» **RECORD SET**
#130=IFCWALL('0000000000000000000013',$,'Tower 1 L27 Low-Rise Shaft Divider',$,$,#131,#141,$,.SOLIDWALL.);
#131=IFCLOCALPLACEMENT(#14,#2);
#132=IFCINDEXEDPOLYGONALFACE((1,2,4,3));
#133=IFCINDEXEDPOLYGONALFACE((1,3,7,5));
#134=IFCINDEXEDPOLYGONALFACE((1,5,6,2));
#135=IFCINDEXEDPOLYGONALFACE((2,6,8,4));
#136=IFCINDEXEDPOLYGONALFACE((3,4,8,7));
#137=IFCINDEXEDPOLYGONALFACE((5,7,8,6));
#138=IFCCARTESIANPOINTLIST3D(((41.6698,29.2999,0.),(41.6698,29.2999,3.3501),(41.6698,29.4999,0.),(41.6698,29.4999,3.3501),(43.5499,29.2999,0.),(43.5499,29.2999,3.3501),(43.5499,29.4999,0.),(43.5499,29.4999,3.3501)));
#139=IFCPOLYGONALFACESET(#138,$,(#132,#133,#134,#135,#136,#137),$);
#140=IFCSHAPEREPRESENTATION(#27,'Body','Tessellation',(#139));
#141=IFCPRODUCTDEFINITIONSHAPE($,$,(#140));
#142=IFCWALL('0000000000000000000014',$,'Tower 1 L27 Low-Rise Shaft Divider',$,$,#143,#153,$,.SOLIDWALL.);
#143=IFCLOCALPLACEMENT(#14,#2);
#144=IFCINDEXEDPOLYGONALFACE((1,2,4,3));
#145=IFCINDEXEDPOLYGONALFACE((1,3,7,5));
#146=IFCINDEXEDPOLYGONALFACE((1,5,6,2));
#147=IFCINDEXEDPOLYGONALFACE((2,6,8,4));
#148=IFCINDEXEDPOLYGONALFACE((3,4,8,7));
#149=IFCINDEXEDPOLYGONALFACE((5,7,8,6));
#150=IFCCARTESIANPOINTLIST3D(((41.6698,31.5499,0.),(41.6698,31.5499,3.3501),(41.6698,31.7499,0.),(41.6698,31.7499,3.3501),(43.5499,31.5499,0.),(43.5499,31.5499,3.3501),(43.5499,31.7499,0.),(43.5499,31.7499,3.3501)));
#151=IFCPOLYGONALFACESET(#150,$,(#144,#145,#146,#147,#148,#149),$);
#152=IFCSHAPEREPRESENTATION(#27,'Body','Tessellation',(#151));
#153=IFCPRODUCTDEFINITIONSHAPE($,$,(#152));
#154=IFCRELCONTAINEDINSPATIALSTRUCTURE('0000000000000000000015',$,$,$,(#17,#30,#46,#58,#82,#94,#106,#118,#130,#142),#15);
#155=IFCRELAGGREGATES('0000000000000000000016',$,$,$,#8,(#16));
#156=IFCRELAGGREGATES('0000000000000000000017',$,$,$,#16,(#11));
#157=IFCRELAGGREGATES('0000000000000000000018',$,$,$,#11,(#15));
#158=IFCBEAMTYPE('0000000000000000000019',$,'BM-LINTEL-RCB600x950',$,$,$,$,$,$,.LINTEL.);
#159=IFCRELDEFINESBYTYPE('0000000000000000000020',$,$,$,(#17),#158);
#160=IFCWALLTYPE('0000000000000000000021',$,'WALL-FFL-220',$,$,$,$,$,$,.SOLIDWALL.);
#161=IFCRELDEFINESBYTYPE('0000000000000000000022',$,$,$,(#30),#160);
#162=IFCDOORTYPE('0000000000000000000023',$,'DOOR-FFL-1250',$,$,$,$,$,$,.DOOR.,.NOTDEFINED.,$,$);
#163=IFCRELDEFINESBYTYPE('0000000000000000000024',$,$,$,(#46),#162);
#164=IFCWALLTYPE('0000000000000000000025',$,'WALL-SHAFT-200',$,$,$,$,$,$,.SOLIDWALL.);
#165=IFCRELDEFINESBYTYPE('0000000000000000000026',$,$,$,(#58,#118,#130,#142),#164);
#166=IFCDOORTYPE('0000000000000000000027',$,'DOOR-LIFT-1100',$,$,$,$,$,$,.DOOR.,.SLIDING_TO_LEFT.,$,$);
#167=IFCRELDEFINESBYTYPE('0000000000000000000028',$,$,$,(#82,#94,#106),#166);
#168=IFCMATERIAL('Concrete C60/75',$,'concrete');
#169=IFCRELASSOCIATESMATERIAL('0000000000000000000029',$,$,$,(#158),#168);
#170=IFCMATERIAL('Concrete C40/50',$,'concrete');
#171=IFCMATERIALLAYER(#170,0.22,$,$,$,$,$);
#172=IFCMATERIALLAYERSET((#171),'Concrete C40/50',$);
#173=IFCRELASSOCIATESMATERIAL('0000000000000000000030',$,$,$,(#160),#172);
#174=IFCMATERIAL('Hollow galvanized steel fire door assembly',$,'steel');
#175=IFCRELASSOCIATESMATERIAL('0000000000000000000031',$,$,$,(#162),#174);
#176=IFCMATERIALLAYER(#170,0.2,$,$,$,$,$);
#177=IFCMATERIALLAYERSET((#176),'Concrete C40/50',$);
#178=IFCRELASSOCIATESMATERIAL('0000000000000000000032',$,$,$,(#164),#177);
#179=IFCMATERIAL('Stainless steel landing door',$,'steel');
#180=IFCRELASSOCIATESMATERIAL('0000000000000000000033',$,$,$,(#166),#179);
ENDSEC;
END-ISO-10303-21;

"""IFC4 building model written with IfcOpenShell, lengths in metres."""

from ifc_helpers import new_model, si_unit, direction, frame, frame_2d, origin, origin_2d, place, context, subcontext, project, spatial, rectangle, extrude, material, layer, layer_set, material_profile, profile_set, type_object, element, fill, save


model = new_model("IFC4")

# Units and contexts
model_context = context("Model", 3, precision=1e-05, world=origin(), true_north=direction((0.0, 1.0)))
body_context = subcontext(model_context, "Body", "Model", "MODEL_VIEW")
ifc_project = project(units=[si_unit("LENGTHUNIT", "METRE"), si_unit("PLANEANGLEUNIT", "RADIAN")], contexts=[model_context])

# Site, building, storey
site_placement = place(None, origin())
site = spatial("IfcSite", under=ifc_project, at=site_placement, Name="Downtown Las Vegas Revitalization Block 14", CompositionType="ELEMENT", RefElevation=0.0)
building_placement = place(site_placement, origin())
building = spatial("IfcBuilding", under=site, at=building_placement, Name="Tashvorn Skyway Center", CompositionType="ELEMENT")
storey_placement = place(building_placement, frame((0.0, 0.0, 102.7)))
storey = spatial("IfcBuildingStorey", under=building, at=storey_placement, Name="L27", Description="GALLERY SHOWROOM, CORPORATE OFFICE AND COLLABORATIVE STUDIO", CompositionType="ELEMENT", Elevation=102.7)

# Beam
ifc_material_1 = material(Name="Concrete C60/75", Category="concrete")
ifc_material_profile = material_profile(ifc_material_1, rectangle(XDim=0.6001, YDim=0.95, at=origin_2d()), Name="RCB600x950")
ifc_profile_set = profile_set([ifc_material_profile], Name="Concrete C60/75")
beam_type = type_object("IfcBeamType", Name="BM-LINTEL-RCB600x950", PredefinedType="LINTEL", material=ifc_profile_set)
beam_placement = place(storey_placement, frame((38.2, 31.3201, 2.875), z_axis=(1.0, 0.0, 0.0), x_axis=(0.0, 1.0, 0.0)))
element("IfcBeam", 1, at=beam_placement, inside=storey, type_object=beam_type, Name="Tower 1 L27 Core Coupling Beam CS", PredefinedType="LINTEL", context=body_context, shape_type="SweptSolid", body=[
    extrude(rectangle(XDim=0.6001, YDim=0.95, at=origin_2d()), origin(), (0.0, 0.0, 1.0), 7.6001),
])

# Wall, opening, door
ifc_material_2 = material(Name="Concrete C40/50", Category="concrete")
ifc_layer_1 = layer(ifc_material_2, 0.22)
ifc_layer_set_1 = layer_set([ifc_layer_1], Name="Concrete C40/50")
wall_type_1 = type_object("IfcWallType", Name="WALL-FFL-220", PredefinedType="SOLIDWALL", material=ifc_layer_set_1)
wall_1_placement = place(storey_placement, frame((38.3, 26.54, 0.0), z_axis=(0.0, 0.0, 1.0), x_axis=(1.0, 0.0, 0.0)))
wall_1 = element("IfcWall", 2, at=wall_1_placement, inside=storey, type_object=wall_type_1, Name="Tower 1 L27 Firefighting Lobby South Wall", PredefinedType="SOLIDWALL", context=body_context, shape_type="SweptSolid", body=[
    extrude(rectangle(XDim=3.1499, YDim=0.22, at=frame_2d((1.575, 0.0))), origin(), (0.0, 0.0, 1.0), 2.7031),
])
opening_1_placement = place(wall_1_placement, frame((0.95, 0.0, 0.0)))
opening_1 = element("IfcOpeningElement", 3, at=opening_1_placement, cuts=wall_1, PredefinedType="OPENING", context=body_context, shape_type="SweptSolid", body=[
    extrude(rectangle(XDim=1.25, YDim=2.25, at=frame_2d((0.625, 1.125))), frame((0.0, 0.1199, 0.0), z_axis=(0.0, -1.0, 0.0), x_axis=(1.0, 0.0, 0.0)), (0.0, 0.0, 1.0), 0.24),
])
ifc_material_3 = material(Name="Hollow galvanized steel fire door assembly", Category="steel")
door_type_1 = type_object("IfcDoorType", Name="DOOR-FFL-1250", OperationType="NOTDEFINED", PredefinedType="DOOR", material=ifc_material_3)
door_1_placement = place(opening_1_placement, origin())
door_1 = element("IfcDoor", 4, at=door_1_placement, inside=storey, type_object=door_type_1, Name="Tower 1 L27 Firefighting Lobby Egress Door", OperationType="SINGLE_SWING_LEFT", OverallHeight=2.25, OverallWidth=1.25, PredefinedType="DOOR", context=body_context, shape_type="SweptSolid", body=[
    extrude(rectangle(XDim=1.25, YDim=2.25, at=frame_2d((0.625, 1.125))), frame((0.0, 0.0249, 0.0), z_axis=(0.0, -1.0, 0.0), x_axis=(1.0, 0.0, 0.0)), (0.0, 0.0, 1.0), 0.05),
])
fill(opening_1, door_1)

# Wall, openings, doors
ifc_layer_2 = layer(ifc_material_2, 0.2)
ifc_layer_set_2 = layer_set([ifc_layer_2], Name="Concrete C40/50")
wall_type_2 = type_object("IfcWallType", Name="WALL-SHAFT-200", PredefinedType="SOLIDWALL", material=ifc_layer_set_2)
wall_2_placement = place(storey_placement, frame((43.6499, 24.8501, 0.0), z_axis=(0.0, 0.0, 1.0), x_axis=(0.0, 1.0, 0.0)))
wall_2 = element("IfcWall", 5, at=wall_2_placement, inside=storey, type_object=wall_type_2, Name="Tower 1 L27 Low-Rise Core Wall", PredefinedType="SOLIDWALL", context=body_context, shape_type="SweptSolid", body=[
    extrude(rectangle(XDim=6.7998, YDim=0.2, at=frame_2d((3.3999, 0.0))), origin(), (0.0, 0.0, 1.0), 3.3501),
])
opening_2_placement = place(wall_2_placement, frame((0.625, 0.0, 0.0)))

» **AIM OF THE TASK**
After locating the line with "door_1_placement = place(opening_1_placement, origin())" in the material above, return it and each line after it exactly, ending at the line with "1.0), x_axis=(0.0, 1.0, 0.0)))".

» **TASK ANSWER**
door_1_placement = place(opening_1_placement, origin())
door_1 = element("IfcDoor", 4, at=door_1_placement, inside=storey, type_object=door_type_1, Name="Tower 1 L27 Firefighting Lobby Egress Door", OperationType="SINGLE_SWING_LEFT", OverallHeight=2.25, OverallWidth=1.25, PredefinedType="DOOR", context=body_context, shape_type="SweptSolid", body=[
    extrude(rectangle(XDim=1.25, YDim=2.25, at=frame_2d((0.625, 1.125))), frame((0.0, 0.0249, 0.0), z_axis=(0.0, -1.0, 0.0), x_axis=(1.0, 0.0, 0.0)), (0.0, 0.0, 1.0), 0.05),
])
fill(opening_1, door_1)

# Wall, openings, doors
ifc_layer_2 = layer(ifc_material_2, 0.2)
ifc_layer_set_2 = layer_set([ifc_layer_2], Name="Concrete C40/50")
wall_type_2 = type_object("IfcWallType", Name="WALL-SHAFT-200", PredefinedType="SOLIDWALL", material=ifc_layer_set_2)
wall_2_placement = place(storey_placement, frame((43.6499, 24.8501, 0.0), z_axis=(0.0, 0.0, 1.0), x_axis=(0.0, 1.0, 0.0)))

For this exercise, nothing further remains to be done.